Directions for this task:
Repeat word for word every line of the data below, from the first through the line containing "building_placement = place(site_placement, origin())", and stop there.

Data for this exercise:
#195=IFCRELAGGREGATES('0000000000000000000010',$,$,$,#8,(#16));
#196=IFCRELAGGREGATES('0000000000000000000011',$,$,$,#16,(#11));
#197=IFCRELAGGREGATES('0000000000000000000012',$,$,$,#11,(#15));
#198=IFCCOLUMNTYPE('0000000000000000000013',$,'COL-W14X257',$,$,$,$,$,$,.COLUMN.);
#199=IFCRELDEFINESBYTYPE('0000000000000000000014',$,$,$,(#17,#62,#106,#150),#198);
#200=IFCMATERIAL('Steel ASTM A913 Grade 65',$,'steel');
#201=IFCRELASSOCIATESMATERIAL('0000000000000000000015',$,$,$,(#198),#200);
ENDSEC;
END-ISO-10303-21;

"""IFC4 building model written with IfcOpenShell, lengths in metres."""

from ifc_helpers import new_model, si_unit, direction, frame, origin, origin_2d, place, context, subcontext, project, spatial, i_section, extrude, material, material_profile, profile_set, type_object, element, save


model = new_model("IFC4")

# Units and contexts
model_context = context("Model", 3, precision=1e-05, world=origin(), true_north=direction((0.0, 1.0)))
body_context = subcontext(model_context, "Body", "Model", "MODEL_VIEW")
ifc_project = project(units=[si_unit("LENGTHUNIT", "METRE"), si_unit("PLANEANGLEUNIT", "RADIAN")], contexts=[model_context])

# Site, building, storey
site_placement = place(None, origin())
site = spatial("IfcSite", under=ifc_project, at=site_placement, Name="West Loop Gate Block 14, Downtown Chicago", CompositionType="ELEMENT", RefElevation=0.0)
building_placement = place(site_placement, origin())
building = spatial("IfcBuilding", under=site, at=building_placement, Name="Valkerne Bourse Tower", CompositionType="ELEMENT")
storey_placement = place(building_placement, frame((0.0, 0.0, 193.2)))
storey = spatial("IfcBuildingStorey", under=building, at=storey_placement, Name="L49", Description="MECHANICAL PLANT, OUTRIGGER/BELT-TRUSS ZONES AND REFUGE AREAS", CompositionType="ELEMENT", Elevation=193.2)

Result below:
#195=IFCRELAGGREGATES('0000000000000000000010',$,$,$,#8,(#16));
#196=IFCRELAGGREGATES('0000000000000000000011',$,$,$,#16,(#11));
#197=IFCRELAGGREGATES('0000000000000000000012',$,$,$,#11,(#15));
#198=IFCCOLUMNTYPE('0000000000000000000013',$,'COL-W14X257',$,$,$,$,$,$,.COLUMN.);
#199=IFCRELDEFINESBYTYPE('0000000000000000000014',$,$,$,(#17,#62,#106,#150),#198);
#200=IFCMATERIAL('Steel ASTM A913 Grade 65',$,'steel');
#201=IFCRELASSOCIATESMATERIAL('0000000000000000000015',$,$,$,(#198),#200);
ENDSEC;
END-ISO-10303-21;

"""IFC4 building model written with IfcOpenShell, lengths in metres."""

from ifc_helpers import new_model, si_unit, direction, frame, origin, origin_2d, place, context, subcontext, project, spatial, i_section, extrude, material, material_profile, profile_set, type_object, element, save


model = new_model("IFC4")

# Units and contexts
model_context = context("Model", 3, precision=1e-05, world=origin(), true_north=direction((0.0, 1.0)))
body_context = subcontext(model_context, "Body", "Model", "MODEL_VIEW")
ifc_project = project(units=[si_unit("LENGTHUNIT", "METRE"), si_unit("PLANEANGLEUNIT", "RADIAN")], contexts=[model_context])

# Site, building, storey
site_placement = place(None, origin())
site = spatial("IfcSite", under=ifc_project, at=site_placement, Name="West Loop Gate Block 14, Downtown Chicago", CompositionType="ELEMENT", RefElevation=0.0)
building_placement = place(site_placement, origin())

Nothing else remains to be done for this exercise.